DATA TO EXAMINE:
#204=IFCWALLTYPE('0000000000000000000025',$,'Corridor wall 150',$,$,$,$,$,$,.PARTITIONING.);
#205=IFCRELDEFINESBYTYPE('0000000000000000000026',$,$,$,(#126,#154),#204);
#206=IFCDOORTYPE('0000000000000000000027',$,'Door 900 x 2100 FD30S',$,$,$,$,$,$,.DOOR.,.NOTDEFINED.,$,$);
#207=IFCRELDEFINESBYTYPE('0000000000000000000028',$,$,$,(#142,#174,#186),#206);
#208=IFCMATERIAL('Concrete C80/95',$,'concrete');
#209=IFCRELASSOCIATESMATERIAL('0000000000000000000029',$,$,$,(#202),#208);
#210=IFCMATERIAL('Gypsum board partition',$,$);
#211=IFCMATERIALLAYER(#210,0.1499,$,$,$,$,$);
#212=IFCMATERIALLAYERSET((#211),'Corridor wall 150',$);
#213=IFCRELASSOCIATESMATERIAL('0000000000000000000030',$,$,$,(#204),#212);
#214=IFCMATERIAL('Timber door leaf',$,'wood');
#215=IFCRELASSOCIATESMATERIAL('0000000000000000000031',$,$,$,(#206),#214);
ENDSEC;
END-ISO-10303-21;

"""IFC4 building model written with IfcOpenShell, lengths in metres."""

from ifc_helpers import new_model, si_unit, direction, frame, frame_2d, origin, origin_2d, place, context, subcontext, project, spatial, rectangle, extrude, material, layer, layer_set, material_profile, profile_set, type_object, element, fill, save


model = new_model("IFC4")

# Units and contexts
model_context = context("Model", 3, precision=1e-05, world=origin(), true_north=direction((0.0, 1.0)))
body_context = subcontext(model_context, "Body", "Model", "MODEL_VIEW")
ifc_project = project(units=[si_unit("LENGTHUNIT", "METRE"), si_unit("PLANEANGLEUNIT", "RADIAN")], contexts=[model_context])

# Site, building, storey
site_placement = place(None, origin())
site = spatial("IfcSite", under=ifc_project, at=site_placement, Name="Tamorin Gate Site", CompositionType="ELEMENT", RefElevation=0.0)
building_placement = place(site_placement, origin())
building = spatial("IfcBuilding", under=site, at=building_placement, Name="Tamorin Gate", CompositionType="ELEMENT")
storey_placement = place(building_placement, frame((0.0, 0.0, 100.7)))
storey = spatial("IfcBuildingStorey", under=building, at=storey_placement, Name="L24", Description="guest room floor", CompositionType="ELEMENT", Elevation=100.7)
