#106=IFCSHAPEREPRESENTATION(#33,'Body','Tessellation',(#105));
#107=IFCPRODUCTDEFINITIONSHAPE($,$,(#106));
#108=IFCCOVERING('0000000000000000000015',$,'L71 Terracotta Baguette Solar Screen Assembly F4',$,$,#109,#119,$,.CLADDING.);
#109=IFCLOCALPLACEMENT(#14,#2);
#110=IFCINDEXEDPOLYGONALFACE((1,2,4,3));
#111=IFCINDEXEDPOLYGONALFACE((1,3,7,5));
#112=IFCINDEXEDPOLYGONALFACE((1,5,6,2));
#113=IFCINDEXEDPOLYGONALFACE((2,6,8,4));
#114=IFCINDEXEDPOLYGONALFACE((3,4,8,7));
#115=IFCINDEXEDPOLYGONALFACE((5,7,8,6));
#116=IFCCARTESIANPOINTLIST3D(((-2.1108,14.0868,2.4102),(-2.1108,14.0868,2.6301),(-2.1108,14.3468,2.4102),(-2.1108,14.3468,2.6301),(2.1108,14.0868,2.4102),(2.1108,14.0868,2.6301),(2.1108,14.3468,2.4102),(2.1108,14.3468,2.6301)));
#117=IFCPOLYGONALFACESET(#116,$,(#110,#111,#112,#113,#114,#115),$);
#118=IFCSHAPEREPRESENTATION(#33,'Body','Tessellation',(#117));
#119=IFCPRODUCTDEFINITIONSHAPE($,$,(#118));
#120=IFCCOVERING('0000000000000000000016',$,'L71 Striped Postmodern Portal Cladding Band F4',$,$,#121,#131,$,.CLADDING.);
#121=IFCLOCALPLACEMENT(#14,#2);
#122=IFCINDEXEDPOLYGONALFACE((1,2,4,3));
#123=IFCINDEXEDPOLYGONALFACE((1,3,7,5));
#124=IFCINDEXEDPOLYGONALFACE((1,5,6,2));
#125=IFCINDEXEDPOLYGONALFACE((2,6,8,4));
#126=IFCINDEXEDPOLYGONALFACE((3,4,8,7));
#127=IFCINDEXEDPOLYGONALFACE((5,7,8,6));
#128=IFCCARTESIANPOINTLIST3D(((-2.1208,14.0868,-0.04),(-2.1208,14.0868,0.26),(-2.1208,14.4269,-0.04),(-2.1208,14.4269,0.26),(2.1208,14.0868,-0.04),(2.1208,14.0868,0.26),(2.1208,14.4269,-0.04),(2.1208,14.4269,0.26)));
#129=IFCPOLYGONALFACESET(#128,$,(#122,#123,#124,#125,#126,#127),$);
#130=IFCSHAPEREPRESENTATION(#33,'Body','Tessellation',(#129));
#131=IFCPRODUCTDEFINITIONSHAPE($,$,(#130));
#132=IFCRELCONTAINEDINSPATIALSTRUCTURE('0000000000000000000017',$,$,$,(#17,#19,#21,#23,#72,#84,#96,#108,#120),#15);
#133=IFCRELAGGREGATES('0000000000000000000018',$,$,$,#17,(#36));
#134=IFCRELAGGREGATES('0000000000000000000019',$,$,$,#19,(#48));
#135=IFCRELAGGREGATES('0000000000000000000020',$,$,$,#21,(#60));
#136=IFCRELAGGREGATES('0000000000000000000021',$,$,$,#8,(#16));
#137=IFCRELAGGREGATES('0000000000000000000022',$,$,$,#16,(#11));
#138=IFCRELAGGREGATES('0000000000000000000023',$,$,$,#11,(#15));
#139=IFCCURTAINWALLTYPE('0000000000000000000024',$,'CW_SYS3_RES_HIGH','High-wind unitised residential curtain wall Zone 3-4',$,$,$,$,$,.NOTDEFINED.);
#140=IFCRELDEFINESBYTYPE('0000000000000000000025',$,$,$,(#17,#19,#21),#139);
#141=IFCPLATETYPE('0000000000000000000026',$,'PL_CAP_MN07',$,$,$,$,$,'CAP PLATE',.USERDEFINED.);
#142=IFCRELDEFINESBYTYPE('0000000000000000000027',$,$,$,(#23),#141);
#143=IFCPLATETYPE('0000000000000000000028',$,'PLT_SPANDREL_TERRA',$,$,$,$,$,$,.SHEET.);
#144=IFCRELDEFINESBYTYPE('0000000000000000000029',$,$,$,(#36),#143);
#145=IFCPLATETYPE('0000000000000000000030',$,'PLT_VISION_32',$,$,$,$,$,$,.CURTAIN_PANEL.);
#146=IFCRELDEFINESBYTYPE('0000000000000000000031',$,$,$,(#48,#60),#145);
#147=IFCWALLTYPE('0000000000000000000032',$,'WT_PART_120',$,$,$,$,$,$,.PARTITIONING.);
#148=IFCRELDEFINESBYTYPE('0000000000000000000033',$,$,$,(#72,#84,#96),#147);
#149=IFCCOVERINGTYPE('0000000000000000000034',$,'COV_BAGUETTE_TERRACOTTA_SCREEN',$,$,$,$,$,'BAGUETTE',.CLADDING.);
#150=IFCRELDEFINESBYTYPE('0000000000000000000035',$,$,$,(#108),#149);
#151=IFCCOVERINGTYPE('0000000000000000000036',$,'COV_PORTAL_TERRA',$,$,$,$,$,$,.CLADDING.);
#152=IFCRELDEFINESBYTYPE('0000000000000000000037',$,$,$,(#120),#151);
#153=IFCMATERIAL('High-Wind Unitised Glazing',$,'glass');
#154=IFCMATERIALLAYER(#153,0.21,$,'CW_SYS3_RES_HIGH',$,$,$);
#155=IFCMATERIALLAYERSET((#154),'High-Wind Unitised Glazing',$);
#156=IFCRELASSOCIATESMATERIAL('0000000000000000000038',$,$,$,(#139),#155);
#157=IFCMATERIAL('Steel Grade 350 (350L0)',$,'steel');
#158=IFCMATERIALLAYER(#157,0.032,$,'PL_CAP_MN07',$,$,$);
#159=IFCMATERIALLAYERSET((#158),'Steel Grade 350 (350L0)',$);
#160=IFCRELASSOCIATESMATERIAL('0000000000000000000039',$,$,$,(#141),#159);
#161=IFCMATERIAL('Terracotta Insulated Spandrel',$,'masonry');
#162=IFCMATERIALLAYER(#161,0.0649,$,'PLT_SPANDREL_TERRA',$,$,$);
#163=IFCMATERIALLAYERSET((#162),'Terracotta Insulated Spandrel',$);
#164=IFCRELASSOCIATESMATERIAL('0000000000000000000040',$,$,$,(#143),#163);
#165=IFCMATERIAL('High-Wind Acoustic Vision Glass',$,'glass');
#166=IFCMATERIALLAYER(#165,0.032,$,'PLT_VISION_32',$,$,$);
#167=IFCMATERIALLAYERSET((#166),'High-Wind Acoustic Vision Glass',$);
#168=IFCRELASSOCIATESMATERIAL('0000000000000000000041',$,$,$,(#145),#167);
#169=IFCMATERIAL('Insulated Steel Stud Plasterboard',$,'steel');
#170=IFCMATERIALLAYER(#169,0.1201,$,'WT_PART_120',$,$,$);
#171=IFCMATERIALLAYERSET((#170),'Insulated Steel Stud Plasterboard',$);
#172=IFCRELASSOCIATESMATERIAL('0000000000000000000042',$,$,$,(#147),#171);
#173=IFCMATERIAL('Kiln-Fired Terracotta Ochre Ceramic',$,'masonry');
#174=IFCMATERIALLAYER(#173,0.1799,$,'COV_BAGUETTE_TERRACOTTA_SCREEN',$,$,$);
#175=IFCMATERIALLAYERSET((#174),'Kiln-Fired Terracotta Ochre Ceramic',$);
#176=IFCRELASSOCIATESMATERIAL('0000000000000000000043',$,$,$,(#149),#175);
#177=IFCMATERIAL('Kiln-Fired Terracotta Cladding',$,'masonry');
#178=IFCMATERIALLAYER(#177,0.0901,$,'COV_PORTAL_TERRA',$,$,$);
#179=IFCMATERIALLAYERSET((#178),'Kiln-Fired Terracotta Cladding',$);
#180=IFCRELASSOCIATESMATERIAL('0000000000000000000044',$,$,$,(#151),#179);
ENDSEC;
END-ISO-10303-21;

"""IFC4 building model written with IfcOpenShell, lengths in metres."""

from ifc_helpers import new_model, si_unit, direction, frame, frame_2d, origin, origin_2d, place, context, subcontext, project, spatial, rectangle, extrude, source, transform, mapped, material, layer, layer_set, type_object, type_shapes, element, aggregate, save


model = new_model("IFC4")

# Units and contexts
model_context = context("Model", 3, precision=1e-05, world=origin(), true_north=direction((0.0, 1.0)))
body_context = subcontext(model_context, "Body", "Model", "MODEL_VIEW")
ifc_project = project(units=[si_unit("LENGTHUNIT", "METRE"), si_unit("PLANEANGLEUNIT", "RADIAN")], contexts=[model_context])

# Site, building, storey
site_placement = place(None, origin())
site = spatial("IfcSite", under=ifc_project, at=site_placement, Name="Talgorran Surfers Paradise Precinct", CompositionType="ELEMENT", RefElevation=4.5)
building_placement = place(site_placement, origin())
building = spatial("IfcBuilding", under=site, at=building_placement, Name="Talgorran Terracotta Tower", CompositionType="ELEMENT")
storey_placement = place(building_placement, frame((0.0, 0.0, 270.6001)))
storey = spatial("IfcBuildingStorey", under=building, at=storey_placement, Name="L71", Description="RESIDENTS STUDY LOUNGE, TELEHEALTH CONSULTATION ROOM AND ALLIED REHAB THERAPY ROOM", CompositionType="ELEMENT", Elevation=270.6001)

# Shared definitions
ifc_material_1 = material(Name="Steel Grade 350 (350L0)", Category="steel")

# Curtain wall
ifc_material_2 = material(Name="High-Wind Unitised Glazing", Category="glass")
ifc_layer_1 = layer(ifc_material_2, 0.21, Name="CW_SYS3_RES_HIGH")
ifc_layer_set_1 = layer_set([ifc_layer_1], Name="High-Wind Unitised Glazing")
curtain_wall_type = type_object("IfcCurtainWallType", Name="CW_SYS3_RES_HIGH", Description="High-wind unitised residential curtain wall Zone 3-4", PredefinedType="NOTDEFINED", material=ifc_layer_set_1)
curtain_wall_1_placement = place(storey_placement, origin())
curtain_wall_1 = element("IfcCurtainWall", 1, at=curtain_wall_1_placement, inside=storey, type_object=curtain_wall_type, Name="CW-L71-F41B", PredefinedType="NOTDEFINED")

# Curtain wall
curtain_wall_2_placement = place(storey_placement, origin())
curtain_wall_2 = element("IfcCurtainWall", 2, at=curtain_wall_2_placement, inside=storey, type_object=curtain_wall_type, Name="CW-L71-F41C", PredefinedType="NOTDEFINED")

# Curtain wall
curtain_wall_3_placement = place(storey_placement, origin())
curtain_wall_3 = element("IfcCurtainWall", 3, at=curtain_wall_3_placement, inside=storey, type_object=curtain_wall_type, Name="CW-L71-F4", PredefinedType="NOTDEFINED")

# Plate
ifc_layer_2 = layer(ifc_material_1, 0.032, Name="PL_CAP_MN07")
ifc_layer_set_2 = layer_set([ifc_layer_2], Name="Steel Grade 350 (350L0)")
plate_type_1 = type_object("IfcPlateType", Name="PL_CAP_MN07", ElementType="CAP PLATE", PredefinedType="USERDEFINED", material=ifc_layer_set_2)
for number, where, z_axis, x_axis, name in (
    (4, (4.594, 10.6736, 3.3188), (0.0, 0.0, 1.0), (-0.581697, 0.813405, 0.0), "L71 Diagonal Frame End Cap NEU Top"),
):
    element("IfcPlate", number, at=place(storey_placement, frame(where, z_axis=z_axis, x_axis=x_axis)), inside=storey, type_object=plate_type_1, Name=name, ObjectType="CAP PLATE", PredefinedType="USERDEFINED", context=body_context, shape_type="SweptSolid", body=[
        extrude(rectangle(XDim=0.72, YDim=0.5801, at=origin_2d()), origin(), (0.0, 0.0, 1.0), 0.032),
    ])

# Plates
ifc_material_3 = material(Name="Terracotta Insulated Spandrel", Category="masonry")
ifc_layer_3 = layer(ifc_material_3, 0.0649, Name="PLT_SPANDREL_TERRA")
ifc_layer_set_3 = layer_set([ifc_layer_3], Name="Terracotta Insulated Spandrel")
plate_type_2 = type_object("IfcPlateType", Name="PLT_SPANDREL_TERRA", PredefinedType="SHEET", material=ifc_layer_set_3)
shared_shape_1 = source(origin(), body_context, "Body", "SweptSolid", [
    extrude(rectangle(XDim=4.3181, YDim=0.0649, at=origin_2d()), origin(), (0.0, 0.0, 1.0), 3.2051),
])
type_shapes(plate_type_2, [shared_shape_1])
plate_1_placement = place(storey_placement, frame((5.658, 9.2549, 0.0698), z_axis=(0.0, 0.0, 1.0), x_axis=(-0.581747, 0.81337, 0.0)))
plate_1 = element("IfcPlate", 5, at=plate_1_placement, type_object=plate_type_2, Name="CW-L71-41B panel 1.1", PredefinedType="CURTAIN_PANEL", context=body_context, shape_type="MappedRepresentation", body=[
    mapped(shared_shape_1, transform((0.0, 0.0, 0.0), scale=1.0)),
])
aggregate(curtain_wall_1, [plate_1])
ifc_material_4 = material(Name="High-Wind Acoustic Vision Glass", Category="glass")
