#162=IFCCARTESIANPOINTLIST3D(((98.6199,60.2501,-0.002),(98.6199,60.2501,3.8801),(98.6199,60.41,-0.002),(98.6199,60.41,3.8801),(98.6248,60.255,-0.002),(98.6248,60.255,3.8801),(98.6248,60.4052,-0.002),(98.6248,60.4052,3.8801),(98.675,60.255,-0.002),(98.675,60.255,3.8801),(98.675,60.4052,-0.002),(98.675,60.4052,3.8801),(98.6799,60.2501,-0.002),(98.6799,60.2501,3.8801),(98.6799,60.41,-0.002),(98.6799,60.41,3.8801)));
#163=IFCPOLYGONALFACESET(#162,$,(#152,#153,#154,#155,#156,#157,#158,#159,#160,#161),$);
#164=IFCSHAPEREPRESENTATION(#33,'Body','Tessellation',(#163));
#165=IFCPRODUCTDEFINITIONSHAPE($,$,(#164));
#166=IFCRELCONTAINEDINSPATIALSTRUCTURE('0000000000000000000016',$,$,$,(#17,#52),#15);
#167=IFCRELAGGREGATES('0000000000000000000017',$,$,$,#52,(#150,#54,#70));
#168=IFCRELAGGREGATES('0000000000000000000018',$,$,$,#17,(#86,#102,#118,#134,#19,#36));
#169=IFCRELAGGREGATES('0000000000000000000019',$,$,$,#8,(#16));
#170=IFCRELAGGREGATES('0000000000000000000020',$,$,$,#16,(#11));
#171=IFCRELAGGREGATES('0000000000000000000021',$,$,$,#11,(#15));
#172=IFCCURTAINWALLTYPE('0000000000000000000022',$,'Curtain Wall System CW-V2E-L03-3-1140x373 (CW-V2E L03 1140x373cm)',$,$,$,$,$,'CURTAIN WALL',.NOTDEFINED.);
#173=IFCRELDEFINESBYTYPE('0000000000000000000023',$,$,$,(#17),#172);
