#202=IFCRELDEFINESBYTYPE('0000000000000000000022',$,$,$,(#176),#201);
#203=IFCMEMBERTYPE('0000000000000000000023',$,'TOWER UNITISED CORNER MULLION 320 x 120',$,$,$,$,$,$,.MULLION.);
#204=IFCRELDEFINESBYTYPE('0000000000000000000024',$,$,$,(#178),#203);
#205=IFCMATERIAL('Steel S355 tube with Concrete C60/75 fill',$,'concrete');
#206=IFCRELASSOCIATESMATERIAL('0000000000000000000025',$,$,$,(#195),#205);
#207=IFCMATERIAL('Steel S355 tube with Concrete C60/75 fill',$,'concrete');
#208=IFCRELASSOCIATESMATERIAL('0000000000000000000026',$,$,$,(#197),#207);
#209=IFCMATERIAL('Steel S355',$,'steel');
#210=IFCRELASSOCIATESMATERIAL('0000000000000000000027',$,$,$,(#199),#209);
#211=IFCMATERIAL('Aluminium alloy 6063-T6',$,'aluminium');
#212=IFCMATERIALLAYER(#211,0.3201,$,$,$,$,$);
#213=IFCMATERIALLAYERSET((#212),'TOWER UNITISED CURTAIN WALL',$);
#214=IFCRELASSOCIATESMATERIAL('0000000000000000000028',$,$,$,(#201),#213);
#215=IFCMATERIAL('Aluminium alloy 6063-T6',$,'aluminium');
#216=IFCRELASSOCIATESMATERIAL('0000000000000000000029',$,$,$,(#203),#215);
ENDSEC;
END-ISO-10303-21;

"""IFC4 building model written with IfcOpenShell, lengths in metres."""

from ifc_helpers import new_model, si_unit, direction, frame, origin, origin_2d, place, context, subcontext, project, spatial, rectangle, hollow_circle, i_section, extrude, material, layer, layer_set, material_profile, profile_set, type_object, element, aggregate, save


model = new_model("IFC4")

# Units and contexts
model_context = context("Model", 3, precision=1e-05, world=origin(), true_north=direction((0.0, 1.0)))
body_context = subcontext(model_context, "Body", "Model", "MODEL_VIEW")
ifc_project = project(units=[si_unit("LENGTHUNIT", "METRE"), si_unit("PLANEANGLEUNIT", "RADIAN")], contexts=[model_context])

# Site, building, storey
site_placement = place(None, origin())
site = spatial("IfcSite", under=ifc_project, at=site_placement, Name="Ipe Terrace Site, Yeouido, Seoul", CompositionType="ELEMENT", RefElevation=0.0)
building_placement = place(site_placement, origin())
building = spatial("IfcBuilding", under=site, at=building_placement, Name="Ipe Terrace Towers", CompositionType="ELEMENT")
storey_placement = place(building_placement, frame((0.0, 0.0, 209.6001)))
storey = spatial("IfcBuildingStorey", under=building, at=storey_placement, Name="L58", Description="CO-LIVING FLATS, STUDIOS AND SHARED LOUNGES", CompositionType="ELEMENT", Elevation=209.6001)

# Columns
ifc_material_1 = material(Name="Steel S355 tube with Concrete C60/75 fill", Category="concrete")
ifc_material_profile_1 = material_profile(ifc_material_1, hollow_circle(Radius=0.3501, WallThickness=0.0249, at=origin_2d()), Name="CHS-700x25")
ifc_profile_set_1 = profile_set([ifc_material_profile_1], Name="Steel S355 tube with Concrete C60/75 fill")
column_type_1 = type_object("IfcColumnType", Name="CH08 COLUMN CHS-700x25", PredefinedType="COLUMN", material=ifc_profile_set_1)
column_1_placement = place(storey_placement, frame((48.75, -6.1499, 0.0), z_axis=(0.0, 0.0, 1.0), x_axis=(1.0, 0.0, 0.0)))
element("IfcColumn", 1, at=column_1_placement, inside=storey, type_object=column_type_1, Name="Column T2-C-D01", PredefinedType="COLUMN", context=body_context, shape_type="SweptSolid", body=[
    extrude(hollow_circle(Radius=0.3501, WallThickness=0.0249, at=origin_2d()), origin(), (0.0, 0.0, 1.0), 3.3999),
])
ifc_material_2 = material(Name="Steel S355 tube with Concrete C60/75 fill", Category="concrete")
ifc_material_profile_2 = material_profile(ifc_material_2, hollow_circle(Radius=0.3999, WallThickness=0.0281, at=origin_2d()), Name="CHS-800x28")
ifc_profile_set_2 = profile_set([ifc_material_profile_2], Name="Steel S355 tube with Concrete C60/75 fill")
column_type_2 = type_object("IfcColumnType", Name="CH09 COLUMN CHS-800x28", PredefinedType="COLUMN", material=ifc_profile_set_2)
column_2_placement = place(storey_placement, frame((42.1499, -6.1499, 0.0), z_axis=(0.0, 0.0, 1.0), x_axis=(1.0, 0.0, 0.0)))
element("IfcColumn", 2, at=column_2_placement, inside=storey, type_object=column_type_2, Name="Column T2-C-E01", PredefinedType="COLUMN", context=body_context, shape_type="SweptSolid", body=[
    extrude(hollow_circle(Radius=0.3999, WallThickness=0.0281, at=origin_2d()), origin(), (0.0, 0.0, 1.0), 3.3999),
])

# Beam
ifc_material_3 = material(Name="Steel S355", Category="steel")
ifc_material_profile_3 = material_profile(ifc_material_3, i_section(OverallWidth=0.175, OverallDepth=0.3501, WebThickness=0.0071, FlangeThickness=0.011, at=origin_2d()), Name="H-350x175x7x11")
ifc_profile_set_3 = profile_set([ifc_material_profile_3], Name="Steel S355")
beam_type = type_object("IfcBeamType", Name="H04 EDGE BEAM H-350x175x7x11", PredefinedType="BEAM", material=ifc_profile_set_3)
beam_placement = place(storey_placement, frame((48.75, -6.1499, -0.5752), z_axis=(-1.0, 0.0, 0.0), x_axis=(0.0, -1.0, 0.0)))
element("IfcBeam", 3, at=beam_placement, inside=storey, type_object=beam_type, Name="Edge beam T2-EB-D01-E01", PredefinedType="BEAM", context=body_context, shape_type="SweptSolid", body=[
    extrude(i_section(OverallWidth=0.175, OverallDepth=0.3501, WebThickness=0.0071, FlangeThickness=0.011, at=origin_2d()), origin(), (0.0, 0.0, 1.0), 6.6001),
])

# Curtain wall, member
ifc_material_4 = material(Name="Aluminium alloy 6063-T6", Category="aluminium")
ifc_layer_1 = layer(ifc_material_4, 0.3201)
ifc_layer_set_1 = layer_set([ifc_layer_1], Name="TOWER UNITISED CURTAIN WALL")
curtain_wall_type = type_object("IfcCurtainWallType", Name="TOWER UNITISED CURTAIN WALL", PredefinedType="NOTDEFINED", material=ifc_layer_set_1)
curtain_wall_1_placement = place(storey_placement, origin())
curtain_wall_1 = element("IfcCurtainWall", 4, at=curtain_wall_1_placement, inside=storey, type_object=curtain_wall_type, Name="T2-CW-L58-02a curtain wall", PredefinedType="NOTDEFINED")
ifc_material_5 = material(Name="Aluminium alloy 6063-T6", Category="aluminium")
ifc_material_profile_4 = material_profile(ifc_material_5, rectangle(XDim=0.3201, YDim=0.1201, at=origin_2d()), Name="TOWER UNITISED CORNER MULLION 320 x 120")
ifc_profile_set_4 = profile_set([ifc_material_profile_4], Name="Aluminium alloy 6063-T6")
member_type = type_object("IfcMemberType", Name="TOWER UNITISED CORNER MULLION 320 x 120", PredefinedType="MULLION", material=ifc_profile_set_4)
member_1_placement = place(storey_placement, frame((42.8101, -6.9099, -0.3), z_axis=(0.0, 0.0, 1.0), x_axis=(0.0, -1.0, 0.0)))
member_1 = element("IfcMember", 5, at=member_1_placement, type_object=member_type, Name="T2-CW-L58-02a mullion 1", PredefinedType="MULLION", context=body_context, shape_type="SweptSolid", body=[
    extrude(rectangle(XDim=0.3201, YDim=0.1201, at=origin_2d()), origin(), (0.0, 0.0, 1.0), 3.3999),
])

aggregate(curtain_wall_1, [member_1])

WHAT TO PRODUCE:
In the entries above, find the line holding "frame((0.0, 0.0, 100.7)))" and the line holding "#131=IFCPRODUCTDEFINITIONSHAPE($,$,(#130));", then retype exactly those two lines and every line between them, and nothing else.

EXERCISE RESULT:
storey_placement = place(building_placement, frame((0.0, 0.0, 100.7)))
storey = spatial("IfcBuildingStorey", under=building, at=storey_placement, Name="L24", Description="guest room floor", CompositionType="ELEMENT", Elevation=100.7)
#106=IFCSHAPEREPRESENTATION(#33,'Body','Tessellation',(#105));
#107=IFCPRODUCTDEFINITIONSHAPE($,$,(#106));
#108=IFCCOVERING('0000000000000000000015',$,'L71 Terracotta Baguette Solar Screen Assembly F4',$,$,#109,#119,$,.CLADDING.);
#109=IFCLOCALPLACEMENT(#14,#2);
#110=IFCINDEXEDPOLYGONALFACE((1,2,4,3));
#111=IFCINDEXEDPOLYGONALFACE((1,3,7,5));
#112=IFCINDEXEDPOLYGONALFACE((1,5,6,2));
#113=IFCINDEXEDPOLYGONALFACE((2,6,8,4));
#114=IFCINDEXEDPOLYGONALFACE((3,4,8,7));
#115=IFCINDEXEDPOLYGONALFACE((5,7,8,6));
#116=IFCCARTESIANPOINTLIST3D(((-2.1108,14.0868,2.4102),(-2.1108,14.0868,2.6301),(-2.1108,14.3468,2.4102),(-2.1108,14.3468,2.6301),(2.1108,14.0868,2.4102),(2.1108,14.0868,2.6301),(2.1108,14.3468,2.4102),(2.1108,14.3468,2.6301)));
#117=IFCPOLYGONALFACESET(#116,$,(#110,#111,#112,#113,#114,#115),$);
#118=IFCSHAPEREPRESENTATION(#33,'Body','Tessellation',(#117));
#119=IFCPRODUCTDEFINITIONSHAPE($,$,(#118));
#120=IFCCOVERING('0000000000000000000016',$,'L71 Striped Postmodern Portal Cladding Band F4',$,$,#121,#131,$,.CLADDING.);
#121=IFCLOCALPLACEMENT(#14,#2);
#122=IFCINDEXEDPOLYGONALFACE((1,2,4,3));
#123=IFCINDEXEDPOLYGONALFACE((1,3,7,5));
#124=IFCINDEXEDPOLYGONALFACE((1,5,6,2));
#125=IFCINDEXEDPOLYGONALFACE((2,6,8,4));
#126=IFCINDEXEDPOLYGONALFACE((3,4,8,7));
#127=IFCINDEXEDPOLYGONALFACE((5,7,8,6));
#128=IFCCARTESIANPOINTLIST3D(((-2.1208,14.0868,-0.04),(-2.1208,14.0868,0.26),(-2.1208,14.4269,-0.04),(-2.1208,14.4269,0.26),(2.1208,14.0868,-0.04),(2.1208,14.0868,0.26),(2.1208,14.4269,-0.04),(2.1208,14.4269,0.26)));
#129=IFCPOLYGONALFACESET(#128,$,(#122,#123,#124,#125,#126,#127),$);
#130=IFCSHAPEREPRESENTATION(#33,'Body','Tessellation',(#129));
#131=IFCPRODUCTDEFINITIONSHAPE($,$,(#130));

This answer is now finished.